*REQUIRED ACTION:* Repeat exactly, and only, the lines below starting at the line that contains "#94=IFCINDEXEDPOLYGONALFACE((59,63,64,60));" and ending at the line that contains "#95=IFCINDEXEDPOLYGONALFACE((61,62,64,63));", inclusive of both.

*DATA RECORDS:*

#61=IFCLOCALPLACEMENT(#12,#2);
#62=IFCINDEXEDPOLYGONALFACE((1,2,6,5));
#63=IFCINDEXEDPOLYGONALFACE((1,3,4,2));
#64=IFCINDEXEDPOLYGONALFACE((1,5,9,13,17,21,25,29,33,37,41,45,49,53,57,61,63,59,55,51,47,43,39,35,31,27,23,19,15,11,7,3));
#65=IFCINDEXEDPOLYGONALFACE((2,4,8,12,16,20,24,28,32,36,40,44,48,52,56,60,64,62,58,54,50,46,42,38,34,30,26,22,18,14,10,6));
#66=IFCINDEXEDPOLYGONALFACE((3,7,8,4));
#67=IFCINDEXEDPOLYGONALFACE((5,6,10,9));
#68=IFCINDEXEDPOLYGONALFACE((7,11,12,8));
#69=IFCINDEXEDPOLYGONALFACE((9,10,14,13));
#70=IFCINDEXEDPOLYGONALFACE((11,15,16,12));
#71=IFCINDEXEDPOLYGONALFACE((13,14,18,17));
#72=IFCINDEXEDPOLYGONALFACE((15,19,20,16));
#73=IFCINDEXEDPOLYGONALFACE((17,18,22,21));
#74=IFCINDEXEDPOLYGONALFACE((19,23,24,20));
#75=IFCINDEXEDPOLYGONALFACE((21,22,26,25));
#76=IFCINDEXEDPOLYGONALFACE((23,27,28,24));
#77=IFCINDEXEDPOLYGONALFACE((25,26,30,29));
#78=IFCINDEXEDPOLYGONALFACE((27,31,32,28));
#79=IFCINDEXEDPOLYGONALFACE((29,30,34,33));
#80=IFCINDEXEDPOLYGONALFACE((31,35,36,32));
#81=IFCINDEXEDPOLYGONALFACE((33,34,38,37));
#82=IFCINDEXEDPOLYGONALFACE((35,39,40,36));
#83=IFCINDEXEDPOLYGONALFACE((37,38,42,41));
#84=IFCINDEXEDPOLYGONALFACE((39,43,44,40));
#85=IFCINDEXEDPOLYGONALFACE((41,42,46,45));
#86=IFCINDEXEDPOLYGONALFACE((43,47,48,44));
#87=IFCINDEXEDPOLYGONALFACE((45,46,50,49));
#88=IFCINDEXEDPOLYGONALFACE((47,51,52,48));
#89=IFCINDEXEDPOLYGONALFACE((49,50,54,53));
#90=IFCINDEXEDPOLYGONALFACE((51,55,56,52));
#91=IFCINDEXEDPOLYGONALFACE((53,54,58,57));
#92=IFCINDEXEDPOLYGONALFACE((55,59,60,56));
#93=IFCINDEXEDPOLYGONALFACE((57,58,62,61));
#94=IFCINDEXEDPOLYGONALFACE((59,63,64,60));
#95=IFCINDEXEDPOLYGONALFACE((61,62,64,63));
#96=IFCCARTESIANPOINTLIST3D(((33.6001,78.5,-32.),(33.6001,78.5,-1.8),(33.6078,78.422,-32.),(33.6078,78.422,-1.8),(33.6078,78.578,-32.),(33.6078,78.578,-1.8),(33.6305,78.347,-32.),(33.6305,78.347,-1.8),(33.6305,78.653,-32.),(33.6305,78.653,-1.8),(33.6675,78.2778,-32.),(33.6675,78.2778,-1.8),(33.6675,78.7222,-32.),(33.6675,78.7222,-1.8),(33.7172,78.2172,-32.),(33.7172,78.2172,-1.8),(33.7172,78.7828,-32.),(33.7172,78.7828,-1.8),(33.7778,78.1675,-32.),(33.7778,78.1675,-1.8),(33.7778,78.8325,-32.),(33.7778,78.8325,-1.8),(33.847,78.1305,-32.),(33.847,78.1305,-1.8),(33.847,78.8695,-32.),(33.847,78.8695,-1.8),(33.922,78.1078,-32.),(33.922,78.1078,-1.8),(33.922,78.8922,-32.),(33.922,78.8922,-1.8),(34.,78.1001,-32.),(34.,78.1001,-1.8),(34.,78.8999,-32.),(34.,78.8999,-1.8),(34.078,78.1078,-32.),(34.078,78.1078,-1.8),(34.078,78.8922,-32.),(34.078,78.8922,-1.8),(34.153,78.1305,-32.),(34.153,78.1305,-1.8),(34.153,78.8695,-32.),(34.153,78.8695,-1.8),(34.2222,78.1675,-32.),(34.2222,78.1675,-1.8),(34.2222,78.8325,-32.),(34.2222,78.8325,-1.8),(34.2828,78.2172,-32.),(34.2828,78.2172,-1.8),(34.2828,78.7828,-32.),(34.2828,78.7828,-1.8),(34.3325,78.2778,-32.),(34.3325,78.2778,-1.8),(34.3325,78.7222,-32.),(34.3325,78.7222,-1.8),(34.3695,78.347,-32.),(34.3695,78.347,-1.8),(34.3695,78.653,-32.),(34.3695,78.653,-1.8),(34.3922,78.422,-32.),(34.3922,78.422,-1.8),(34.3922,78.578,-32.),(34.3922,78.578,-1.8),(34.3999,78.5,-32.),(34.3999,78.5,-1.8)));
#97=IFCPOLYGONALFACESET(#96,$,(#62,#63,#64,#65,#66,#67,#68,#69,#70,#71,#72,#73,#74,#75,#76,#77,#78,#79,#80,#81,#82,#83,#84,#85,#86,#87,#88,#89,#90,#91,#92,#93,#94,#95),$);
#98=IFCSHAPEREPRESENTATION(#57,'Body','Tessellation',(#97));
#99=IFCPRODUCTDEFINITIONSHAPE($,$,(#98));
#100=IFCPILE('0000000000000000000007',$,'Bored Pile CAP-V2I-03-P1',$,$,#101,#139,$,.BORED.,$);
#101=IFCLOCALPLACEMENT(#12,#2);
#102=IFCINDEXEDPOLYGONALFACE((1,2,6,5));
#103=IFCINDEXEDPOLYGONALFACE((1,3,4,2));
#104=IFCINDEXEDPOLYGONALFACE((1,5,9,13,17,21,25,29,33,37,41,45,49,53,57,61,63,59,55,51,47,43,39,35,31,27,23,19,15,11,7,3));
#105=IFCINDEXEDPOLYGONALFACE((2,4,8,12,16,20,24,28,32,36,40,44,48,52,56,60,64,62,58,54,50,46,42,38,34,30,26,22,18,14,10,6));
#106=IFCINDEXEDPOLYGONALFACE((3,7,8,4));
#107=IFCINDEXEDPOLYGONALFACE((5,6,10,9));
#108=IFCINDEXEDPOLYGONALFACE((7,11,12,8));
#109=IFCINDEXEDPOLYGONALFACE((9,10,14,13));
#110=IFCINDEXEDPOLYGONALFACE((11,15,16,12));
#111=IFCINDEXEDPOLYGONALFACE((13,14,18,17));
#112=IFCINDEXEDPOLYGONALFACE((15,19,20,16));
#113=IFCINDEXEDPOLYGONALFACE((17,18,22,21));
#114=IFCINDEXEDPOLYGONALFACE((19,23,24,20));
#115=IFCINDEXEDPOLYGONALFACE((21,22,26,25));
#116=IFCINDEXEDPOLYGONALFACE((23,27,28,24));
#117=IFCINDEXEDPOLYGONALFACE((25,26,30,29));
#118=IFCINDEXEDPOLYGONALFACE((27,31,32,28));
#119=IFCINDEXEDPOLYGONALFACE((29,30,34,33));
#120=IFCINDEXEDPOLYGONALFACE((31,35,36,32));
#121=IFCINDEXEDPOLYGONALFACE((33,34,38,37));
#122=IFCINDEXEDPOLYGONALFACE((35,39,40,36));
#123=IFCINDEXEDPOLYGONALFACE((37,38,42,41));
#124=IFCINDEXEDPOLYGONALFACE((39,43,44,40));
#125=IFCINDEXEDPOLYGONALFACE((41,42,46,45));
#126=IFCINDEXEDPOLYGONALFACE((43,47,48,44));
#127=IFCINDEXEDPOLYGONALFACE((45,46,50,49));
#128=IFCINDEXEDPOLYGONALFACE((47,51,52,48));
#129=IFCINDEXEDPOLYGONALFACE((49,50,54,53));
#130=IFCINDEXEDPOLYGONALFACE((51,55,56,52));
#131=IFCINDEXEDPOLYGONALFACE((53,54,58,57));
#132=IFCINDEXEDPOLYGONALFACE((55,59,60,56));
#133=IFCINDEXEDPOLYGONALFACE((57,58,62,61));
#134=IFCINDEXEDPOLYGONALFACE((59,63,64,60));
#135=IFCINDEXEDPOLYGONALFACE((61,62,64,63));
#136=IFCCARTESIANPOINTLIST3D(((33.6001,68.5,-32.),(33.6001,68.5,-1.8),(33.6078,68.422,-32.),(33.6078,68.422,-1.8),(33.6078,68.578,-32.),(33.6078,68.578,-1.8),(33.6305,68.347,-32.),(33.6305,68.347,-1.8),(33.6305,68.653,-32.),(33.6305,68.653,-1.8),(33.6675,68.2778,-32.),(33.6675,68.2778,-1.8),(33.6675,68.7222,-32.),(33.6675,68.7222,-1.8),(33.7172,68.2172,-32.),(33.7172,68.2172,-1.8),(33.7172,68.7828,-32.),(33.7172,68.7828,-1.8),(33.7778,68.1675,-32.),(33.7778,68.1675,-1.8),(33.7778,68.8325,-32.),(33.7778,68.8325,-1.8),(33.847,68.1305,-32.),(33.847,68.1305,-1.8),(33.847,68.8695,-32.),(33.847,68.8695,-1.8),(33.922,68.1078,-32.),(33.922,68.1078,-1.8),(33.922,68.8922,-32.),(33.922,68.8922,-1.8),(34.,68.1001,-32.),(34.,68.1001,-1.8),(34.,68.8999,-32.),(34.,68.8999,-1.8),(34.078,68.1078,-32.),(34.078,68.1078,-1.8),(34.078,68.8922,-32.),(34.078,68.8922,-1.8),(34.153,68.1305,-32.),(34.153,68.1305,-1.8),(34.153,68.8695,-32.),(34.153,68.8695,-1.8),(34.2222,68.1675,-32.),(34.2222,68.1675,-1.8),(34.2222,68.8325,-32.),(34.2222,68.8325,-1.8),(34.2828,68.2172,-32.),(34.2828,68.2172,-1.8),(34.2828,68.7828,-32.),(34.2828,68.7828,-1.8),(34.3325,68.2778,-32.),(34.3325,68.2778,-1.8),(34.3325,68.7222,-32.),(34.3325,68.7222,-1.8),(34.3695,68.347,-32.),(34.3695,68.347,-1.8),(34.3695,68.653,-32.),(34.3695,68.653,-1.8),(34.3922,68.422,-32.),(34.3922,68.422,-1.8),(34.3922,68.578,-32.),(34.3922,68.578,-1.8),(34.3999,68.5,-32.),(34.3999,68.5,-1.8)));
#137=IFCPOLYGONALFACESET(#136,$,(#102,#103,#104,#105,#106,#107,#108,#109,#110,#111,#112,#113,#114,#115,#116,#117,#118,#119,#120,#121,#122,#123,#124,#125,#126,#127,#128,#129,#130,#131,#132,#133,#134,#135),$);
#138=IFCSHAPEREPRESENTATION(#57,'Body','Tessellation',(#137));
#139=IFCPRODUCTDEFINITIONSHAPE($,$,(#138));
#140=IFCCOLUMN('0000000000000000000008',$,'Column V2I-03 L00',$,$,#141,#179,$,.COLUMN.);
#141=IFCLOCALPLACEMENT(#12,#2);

*ANSWER TO THE EXERCISE:*
#94=IFCINDEXEDPOLYGONALFACE((59,63,64,60));
#95=IFCINDEXEDPOLYGONALFACE((61,62,64,63));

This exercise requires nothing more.